Among the lines below, copy exactly those from the one with "#25=IFCINDEXEDPOLYGONALFACE((3,4,8,7));" through the one with "#26=IFCINDEXEDPOLYGONALFACE((5,7,8,6));", counting both ends.

Stored data entries:
___
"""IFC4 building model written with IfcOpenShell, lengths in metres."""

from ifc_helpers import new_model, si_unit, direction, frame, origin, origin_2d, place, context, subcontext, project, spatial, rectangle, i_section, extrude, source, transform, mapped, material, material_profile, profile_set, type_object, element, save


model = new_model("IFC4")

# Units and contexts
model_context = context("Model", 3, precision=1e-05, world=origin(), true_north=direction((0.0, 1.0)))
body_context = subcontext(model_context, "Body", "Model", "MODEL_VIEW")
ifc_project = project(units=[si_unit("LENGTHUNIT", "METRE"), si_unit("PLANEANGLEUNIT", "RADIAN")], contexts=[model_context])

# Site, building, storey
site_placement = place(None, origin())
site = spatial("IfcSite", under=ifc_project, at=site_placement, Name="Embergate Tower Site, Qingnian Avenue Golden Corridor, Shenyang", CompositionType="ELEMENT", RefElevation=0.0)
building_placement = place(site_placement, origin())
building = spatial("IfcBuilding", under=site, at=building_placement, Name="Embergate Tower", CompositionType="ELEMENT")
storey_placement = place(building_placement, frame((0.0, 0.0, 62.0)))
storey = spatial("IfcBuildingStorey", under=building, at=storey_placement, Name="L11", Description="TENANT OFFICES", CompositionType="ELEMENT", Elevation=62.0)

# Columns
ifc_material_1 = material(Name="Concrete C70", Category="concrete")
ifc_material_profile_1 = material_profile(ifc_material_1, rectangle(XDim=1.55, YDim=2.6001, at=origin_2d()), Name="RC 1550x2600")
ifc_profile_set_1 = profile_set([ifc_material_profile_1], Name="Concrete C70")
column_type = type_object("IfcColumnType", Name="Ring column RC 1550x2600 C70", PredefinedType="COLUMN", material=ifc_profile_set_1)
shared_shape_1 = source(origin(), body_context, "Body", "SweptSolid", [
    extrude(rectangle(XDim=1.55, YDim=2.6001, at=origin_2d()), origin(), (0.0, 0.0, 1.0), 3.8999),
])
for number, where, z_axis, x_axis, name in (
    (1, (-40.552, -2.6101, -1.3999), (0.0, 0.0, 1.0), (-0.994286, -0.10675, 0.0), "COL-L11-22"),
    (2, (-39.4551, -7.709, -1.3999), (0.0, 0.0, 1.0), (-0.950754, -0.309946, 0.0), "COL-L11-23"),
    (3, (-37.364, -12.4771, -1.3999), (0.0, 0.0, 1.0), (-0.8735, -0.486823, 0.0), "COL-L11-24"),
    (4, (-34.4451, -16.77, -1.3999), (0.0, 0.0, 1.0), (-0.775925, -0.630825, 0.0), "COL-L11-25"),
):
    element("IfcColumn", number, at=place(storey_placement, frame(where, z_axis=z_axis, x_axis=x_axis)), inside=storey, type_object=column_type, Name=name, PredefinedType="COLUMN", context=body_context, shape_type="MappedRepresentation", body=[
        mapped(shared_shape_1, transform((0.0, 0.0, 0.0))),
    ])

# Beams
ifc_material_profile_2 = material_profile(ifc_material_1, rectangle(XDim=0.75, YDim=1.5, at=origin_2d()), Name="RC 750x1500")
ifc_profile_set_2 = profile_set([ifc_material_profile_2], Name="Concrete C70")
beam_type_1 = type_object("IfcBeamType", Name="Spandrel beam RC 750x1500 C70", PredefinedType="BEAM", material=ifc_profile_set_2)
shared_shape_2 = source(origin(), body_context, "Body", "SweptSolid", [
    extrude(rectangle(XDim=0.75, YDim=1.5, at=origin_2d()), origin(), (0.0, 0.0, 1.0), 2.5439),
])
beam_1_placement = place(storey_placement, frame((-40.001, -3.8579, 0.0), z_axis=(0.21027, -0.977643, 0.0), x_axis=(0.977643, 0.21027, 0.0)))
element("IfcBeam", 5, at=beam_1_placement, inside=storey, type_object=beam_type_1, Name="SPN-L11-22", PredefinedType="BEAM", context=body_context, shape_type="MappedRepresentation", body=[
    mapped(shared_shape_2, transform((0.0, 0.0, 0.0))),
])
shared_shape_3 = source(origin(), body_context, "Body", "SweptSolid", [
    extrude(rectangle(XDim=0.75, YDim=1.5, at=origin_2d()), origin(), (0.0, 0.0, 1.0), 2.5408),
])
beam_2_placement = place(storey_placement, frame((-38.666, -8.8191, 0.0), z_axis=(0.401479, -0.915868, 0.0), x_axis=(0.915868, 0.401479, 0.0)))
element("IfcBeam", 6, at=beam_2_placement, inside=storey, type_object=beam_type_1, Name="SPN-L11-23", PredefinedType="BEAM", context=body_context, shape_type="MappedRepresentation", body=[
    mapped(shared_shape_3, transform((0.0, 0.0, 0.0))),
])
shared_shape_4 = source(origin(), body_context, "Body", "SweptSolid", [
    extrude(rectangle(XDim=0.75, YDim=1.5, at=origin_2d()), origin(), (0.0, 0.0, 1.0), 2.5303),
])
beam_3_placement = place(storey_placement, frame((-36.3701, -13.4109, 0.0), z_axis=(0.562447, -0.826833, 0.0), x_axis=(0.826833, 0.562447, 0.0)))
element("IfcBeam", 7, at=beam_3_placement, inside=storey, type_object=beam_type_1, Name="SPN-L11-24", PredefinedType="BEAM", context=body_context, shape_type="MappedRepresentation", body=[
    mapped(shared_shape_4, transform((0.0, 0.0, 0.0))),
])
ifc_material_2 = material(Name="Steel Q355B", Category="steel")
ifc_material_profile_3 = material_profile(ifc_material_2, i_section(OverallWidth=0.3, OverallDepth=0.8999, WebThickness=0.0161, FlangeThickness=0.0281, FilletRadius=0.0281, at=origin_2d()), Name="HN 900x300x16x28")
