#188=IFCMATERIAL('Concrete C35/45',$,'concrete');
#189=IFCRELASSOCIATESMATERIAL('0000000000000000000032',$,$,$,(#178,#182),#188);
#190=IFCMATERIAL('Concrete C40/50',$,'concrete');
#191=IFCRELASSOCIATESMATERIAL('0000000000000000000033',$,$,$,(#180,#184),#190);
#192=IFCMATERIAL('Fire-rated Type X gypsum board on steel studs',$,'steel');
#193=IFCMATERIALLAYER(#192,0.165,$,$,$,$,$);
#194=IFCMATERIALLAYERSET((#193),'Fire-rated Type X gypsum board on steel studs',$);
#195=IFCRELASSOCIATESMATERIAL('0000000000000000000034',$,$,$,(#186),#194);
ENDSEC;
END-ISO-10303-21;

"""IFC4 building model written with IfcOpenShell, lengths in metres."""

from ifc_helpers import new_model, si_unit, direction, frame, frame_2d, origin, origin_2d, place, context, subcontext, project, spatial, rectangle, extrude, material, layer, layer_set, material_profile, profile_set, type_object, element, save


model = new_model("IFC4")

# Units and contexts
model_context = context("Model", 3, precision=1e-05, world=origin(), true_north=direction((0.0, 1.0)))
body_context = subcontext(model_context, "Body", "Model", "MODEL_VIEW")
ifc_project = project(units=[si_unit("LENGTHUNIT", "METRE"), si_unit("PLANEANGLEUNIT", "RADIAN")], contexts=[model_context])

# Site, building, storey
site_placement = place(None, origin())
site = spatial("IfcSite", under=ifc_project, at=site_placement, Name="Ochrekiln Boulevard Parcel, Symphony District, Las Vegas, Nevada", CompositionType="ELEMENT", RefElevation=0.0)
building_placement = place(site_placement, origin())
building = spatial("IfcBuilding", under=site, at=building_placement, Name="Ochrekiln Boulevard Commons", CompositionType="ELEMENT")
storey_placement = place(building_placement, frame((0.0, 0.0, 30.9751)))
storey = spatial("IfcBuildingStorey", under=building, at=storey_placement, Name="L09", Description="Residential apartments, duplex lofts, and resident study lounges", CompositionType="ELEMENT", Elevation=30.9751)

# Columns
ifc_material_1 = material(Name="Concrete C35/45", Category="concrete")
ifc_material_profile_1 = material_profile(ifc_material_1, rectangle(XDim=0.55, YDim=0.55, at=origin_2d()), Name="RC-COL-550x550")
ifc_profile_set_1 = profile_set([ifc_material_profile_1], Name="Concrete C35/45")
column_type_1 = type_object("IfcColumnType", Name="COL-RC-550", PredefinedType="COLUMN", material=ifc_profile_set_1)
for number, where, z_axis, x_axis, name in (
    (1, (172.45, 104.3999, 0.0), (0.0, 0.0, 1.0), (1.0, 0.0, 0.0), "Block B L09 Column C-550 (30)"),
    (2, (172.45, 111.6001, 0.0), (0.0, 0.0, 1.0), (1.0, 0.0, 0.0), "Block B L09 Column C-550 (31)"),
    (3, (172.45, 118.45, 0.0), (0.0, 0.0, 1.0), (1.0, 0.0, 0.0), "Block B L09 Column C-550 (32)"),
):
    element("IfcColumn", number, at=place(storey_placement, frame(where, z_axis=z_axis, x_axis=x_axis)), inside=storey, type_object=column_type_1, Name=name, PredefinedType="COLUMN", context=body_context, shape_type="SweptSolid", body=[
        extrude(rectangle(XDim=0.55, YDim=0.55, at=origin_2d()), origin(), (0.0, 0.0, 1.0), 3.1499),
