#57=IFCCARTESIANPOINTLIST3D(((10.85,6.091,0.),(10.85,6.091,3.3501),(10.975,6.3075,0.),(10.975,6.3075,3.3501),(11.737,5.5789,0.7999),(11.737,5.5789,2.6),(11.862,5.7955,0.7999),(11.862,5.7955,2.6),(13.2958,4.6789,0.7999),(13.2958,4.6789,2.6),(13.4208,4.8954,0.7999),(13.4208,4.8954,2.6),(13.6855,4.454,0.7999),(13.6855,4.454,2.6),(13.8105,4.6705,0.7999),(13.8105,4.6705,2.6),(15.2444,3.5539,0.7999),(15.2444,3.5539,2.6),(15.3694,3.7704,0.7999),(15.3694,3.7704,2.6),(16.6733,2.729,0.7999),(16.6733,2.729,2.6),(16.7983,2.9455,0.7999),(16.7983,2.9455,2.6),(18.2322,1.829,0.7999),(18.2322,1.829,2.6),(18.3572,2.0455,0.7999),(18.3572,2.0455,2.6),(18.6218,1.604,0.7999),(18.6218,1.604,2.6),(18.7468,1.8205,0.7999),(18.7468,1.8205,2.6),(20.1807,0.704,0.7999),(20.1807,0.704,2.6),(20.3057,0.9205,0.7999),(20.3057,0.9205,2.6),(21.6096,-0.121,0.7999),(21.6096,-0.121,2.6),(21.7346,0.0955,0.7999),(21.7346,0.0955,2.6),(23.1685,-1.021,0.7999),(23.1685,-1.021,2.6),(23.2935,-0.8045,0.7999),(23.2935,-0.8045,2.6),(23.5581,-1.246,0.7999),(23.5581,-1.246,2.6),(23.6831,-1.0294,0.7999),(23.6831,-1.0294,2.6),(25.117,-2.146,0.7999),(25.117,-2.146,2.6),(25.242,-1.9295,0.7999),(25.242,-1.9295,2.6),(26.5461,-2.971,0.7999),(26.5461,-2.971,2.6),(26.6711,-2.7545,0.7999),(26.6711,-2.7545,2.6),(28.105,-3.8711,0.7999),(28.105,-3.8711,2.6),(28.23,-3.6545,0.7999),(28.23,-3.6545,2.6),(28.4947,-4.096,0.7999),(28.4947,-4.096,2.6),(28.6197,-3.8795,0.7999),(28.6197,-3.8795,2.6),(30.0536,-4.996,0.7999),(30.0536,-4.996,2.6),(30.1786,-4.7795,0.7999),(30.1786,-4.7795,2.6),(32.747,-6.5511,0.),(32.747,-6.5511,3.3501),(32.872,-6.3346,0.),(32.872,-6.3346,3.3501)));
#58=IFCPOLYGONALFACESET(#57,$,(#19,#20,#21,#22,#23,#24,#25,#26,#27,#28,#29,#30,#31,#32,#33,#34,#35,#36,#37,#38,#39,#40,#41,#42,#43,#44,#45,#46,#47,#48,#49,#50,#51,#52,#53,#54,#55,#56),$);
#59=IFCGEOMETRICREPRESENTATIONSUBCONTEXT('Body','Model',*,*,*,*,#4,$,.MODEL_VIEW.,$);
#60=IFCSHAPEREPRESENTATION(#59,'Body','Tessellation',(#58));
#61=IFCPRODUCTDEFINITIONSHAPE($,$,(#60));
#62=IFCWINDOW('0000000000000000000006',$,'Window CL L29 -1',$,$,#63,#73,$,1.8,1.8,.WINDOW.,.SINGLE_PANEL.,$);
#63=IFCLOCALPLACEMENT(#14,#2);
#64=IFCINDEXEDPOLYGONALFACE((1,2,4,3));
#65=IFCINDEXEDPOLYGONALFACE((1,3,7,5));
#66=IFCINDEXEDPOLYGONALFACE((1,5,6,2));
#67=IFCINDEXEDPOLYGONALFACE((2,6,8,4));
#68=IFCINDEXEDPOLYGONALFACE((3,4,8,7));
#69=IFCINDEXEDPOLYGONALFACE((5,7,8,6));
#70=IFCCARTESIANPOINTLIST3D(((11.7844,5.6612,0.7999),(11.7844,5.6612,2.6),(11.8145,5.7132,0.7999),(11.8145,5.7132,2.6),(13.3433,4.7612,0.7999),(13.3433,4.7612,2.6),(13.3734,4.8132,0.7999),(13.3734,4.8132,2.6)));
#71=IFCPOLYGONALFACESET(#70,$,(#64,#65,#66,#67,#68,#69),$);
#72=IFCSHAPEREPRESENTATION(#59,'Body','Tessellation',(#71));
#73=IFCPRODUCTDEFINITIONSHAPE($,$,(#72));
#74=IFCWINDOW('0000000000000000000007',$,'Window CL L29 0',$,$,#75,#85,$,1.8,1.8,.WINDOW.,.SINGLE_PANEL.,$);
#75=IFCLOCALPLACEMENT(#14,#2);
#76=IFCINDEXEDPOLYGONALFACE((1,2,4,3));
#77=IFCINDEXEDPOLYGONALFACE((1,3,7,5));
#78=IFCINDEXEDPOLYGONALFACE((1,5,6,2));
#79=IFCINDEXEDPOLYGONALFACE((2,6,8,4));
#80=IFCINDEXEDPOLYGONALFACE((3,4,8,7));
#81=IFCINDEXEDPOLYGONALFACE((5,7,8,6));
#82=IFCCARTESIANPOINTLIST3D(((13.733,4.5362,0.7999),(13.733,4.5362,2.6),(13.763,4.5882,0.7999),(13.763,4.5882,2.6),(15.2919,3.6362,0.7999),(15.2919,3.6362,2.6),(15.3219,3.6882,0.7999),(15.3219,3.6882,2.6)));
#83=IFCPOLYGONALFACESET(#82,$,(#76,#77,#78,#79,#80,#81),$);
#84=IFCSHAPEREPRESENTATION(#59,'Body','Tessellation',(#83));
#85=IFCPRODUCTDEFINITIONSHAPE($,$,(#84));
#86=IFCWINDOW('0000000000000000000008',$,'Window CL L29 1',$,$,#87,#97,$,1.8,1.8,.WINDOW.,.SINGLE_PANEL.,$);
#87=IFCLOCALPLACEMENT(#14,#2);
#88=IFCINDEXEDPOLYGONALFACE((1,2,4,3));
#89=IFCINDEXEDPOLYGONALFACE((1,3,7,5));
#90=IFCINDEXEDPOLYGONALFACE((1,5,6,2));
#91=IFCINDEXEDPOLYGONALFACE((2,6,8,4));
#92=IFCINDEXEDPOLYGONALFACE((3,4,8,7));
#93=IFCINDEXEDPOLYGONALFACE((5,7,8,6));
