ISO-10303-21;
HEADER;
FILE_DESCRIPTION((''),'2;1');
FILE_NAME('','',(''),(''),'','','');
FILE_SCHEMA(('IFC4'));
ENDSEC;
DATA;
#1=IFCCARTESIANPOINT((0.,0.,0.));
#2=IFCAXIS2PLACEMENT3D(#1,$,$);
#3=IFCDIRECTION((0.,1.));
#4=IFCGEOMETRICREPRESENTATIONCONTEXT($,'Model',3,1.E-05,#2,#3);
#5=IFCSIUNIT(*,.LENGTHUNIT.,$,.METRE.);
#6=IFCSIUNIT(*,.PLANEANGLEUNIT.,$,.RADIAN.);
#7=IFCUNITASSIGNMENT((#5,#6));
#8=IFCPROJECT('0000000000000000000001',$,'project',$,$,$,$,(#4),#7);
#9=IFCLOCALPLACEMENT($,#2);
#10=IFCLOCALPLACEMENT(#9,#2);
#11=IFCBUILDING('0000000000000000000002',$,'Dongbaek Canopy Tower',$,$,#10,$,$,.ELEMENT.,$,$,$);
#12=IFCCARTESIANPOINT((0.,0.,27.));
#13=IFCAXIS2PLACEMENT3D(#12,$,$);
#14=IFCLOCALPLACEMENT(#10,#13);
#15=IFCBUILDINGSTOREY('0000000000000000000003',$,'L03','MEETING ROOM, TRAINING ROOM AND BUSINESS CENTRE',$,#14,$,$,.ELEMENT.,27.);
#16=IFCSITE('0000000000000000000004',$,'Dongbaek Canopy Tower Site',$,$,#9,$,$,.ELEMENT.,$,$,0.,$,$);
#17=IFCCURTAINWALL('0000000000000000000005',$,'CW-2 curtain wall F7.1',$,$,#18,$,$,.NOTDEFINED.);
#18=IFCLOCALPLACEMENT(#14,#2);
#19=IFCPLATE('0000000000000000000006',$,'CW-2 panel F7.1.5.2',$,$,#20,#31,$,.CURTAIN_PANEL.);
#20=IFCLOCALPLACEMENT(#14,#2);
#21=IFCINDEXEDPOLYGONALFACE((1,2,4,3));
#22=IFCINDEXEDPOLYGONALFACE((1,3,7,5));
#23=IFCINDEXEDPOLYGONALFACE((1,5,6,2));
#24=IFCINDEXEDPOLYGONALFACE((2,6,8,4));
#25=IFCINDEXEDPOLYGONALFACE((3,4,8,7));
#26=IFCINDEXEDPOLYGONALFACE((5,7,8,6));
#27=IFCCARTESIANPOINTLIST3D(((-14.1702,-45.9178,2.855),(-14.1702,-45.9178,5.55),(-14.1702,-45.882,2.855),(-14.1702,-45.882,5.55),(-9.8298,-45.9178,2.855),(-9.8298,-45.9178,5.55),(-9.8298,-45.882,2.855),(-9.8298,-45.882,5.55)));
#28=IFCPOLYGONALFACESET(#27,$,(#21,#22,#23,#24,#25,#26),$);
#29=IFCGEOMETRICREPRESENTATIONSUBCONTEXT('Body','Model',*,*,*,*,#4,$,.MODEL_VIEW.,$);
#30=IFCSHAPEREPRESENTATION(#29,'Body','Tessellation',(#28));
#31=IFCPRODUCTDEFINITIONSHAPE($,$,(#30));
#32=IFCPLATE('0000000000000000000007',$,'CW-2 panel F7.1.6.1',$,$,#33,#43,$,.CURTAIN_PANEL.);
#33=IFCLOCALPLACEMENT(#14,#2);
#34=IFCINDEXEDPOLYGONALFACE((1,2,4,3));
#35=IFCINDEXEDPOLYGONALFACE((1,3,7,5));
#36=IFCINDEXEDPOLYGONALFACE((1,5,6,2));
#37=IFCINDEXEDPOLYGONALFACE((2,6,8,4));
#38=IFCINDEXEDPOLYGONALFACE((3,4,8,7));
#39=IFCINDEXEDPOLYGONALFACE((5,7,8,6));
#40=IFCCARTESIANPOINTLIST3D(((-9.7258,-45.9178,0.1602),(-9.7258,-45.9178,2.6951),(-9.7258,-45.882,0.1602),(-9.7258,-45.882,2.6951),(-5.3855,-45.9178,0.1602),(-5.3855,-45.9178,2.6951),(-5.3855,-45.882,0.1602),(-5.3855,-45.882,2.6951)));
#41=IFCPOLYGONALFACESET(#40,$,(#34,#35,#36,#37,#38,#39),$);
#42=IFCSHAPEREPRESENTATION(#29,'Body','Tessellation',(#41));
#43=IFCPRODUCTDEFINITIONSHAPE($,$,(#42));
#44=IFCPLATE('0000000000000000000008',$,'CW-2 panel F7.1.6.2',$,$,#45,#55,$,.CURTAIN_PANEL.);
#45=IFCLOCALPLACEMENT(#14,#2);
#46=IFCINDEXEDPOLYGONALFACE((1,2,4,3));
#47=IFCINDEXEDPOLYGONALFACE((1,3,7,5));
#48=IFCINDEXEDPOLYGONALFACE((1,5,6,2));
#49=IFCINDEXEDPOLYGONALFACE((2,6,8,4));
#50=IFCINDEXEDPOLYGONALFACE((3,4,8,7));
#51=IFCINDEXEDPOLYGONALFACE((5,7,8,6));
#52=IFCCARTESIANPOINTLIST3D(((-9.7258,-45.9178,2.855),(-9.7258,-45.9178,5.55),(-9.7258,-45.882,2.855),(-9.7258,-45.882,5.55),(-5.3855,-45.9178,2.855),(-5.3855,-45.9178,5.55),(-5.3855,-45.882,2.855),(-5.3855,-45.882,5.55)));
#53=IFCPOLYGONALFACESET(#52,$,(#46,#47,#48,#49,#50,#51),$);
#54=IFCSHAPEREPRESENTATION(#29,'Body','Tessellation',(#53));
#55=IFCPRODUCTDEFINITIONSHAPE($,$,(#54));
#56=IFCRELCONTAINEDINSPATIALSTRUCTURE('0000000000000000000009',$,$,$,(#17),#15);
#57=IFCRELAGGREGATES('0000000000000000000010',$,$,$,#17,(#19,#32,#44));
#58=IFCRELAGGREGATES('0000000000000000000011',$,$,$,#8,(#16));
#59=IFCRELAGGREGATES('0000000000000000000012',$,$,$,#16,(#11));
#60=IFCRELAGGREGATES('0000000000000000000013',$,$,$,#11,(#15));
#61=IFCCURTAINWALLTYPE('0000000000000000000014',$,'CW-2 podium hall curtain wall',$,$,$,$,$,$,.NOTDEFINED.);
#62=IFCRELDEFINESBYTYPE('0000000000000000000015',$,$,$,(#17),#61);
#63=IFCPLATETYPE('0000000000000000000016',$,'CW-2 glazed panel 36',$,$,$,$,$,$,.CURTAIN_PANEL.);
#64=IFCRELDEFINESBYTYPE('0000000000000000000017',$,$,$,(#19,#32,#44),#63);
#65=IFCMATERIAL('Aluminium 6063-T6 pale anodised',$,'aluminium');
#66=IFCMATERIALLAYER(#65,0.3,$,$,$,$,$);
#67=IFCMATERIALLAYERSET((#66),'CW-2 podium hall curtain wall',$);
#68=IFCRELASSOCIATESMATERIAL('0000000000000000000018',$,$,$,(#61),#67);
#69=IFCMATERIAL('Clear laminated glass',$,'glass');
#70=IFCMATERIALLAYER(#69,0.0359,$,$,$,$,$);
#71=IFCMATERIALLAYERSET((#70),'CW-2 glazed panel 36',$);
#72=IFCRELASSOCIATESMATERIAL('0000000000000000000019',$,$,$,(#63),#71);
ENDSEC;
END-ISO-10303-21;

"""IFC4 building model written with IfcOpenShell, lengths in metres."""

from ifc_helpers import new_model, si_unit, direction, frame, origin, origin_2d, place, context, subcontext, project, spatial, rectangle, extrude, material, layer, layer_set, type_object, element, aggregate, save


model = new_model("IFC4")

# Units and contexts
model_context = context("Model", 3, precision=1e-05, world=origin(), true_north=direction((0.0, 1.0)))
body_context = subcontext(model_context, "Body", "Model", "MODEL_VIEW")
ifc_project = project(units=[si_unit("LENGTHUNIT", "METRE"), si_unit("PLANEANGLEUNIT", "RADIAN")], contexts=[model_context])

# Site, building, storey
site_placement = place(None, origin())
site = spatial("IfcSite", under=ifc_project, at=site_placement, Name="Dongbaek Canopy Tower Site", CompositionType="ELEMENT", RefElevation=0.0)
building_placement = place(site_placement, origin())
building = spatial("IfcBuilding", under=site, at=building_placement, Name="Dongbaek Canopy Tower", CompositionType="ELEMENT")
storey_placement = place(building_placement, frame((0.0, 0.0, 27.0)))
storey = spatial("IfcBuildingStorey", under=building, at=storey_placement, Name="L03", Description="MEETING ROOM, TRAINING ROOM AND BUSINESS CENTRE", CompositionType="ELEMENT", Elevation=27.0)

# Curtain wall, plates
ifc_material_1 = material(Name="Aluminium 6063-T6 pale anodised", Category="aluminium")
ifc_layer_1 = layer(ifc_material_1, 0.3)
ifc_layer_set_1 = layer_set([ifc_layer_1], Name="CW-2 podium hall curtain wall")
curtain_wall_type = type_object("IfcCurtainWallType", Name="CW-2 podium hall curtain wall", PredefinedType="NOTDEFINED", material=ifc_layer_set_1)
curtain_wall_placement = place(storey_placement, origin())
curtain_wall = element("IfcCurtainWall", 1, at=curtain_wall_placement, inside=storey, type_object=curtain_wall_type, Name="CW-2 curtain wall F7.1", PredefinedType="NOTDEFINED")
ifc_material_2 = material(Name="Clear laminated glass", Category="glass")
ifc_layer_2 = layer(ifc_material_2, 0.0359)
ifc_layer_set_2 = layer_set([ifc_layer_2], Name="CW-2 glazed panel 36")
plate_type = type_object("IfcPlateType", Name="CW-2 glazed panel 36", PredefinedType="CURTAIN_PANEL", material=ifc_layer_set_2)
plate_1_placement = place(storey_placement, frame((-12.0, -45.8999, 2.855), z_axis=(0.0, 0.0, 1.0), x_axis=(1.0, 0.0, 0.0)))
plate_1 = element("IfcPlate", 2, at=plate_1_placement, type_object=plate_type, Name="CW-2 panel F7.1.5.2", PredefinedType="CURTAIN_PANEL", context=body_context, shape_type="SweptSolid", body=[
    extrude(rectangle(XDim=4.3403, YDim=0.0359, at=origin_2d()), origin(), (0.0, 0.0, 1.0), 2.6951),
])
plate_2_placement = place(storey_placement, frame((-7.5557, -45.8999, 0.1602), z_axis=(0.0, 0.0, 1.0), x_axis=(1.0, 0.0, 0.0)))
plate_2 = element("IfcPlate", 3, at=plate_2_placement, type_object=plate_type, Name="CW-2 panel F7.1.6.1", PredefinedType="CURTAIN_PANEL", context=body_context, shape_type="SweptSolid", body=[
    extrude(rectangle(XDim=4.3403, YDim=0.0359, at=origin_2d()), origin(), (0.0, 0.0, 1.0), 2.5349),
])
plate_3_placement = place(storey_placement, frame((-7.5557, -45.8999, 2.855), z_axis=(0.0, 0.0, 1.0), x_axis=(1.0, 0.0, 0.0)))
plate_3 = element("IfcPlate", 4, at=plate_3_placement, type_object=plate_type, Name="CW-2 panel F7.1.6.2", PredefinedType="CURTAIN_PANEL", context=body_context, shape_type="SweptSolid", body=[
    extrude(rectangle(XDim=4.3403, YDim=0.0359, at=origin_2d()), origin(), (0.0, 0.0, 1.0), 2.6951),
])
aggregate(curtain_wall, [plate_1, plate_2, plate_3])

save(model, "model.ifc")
___
Response area:
#25=IFCINDEXEDPOLYGONALFACE((3,4,8,7));
#26=IFCINDEXEDPOLYGONALFACE((5,7,8,6));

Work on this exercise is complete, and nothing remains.